TASK DETAILS:
Throughout the material, count the lines with the word "IFCLOCALPLACEMENT" in them, and answer with only the figure.

━━━━━━━━━━━━━━━━

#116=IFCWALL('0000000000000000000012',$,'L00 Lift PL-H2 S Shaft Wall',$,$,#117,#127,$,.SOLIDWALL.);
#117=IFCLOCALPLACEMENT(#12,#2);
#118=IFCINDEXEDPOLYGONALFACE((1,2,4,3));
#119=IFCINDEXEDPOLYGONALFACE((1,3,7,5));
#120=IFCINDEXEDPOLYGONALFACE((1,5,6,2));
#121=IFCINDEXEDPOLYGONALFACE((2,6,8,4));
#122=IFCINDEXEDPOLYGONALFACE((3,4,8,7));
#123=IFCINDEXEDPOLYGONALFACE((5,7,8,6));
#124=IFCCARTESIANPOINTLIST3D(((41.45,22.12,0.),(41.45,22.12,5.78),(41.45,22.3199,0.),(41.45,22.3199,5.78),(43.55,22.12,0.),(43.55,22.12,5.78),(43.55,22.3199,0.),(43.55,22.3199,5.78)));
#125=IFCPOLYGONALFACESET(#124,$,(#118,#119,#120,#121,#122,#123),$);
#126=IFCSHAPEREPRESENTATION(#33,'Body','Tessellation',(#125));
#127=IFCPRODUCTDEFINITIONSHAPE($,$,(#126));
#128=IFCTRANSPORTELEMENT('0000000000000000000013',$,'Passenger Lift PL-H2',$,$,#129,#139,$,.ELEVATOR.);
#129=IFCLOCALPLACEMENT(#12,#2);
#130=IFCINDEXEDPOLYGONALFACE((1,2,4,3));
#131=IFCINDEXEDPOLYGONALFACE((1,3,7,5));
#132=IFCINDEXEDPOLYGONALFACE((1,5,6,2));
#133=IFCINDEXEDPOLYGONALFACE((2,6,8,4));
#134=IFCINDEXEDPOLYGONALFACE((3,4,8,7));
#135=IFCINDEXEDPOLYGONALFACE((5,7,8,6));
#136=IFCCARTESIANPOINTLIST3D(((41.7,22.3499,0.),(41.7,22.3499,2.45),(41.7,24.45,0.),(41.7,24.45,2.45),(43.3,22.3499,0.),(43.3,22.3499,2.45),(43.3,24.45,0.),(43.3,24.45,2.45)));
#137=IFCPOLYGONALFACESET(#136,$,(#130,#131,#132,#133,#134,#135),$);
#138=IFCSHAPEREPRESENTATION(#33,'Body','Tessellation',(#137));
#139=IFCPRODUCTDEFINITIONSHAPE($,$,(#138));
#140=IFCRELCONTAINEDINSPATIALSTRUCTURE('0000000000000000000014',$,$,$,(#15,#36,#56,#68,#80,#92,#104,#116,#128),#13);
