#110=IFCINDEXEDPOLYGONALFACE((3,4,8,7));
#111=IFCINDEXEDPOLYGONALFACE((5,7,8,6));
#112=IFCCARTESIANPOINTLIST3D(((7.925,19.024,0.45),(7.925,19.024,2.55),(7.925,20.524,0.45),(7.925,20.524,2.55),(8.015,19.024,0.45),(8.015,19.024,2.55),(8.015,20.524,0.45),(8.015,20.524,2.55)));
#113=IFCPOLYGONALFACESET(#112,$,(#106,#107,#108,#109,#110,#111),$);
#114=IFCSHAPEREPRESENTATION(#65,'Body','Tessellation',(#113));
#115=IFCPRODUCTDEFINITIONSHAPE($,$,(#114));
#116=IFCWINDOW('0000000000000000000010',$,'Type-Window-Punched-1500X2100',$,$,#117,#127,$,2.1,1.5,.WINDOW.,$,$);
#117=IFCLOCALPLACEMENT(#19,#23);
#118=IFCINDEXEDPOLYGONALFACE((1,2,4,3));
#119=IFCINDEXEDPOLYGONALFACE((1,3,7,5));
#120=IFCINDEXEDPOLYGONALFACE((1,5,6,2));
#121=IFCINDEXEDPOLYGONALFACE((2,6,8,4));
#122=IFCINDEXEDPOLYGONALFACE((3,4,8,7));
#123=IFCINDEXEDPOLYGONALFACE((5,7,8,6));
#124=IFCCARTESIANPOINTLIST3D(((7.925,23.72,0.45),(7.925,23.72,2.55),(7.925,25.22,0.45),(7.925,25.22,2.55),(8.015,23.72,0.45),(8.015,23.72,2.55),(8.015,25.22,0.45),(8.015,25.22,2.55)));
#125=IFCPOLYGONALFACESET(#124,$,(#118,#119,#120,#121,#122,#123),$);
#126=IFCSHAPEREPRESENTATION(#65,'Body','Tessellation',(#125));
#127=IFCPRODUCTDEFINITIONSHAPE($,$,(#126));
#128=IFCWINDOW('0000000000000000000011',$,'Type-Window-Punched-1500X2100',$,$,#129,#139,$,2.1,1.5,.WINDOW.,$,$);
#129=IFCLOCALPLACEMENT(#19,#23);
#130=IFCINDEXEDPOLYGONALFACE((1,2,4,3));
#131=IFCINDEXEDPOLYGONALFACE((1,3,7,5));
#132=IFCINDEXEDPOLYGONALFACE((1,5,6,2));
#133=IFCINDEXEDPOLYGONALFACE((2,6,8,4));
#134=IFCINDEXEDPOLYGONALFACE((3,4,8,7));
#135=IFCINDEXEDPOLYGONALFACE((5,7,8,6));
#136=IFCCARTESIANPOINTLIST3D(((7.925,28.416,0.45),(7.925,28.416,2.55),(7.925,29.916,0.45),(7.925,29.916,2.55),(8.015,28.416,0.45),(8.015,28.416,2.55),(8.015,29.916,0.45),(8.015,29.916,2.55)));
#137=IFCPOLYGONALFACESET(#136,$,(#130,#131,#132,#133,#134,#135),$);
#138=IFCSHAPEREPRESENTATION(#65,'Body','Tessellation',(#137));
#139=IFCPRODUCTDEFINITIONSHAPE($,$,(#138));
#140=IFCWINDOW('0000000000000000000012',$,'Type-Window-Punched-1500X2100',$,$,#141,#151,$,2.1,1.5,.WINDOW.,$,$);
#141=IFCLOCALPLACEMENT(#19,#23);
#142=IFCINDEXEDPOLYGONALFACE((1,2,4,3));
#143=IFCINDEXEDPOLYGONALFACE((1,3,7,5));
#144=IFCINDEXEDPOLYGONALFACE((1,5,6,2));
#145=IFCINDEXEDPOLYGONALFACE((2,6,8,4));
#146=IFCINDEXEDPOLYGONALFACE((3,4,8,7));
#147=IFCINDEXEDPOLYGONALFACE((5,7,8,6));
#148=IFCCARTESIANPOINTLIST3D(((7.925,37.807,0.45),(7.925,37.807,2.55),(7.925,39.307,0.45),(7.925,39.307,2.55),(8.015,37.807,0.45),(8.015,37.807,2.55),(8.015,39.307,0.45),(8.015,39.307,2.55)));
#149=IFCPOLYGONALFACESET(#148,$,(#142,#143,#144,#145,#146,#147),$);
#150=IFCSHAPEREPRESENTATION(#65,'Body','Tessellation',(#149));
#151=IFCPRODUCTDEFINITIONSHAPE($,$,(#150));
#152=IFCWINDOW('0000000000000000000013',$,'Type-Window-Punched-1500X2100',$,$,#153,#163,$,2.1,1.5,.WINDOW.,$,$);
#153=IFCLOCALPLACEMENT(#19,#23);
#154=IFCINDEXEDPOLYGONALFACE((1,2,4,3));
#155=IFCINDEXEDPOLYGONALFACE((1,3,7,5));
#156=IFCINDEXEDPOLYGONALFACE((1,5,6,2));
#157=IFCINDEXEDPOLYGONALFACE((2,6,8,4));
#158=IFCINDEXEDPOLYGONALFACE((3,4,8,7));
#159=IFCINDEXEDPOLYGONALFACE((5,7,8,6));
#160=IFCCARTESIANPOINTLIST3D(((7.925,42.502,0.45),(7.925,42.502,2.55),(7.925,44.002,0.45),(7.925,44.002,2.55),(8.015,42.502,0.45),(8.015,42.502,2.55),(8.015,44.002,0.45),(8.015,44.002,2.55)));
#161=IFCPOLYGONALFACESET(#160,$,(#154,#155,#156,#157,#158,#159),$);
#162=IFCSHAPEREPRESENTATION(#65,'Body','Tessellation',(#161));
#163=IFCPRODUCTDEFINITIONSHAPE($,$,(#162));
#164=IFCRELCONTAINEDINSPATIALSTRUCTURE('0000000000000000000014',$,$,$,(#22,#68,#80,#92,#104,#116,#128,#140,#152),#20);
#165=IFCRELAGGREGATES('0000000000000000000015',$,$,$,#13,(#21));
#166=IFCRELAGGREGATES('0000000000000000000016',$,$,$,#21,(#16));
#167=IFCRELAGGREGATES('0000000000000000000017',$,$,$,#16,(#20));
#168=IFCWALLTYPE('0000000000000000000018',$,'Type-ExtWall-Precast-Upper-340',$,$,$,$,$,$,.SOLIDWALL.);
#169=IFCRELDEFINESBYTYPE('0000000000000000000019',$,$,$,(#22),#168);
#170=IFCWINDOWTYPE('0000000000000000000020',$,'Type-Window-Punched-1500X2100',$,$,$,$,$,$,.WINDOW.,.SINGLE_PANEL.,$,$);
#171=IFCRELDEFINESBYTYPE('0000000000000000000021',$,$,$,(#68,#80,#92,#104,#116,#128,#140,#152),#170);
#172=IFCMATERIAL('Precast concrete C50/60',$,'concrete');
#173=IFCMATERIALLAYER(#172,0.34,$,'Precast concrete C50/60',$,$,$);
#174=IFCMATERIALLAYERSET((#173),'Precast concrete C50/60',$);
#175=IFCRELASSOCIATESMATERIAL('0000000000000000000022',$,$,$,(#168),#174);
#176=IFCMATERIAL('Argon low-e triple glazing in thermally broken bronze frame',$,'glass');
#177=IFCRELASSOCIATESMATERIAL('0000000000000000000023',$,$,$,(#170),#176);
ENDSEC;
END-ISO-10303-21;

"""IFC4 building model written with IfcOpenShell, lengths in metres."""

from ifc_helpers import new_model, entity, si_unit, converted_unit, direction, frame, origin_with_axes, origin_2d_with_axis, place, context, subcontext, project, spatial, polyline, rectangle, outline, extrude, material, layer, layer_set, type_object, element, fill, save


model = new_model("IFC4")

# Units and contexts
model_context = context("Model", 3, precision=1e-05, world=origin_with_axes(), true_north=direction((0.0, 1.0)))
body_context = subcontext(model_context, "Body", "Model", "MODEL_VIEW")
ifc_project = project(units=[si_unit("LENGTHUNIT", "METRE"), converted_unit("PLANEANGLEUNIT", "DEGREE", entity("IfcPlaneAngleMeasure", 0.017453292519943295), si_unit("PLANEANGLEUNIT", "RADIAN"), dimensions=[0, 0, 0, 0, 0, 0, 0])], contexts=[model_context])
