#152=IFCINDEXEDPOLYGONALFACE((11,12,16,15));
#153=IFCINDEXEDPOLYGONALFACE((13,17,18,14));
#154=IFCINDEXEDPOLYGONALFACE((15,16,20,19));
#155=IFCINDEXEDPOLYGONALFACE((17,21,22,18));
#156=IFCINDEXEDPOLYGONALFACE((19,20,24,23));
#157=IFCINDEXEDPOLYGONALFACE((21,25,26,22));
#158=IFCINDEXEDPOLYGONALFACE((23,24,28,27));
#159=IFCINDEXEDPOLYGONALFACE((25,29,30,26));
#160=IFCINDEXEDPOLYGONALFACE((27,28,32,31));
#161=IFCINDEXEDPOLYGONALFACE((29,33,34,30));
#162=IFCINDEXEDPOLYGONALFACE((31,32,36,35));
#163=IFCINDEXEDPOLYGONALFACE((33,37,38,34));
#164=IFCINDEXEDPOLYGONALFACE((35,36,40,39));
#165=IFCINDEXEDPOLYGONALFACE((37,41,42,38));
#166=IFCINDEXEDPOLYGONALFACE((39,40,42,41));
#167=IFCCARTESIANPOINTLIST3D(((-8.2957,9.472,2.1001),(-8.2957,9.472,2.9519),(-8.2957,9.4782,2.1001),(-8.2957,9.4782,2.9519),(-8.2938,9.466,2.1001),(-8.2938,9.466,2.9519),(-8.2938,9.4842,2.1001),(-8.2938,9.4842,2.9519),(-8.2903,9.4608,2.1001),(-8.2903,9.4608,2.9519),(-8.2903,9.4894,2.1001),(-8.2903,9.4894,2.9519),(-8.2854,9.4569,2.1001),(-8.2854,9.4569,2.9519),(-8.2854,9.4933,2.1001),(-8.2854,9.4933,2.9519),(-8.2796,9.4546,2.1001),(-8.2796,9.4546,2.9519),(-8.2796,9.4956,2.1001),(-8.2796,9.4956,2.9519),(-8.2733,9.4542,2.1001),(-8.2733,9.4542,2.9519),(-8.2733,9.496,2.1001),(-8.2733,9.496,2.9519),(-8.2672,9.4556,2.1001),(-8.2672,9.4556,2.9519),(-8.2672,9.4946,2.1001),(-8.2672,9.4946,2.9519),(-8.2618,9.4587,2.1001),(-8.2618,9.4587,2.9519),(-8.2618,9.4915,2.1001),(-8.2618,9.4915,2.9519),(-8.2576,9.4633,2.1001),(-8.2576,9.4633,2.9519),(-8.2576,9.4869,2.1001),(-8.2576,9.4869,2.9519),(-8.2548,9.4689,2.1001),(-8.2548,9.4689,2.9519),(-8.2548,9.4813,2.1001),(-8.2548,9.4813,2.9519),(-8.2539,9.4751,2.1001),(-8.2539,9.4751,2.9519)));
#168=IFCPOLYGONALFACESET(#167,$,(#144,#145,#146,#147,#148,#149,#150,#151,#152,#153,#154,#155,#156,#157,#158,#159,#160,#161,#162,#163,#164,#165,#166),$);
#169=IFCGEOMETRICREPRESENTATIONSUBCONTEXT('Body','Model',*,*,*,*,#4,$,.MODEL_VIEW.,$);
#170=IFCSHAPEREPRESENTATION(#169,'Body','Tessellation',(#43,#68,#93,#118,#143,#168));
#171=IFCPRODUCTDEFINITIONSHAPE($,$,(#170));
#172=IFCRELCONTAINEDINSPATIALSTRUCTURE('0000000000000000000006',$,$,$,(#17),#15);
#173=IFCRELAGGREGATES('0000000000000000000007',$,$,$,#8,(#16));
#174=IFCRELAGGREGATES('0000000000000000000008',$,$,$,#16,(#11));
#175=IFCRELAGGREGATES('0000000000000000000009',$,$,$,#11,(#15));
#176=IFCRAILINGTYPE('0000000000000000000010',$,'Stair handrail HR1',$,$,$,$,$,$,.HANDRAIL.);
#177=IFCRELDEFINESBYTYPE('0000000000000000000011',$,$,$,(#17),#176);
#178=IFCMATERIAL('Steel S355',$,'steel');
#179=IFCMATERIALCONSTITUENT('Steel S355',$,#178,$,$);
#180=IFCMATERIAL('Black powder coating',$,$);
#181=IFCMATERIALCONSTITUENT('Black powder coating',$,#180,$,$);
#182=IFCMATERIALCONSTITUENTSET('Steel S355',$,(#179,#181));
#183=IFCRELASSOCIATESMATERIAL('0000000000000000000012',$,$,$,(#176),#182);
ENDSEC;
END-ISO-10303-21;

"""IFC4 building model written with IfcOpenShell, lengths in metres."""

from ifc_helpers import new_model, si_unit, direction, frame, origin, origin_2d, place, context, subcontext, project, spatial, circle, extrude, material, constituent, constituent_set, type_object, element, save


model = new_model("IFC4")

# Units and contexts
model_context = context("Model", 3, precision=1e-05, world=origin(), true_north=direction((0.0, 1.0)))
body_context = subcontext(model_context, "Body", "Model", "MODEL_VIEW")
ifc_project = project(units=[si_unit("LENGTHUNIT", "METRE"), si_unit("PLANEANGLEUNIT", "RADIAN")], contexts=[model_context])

━━━━━━━━━━━━━━━━

THE COMPLETED TASK:
6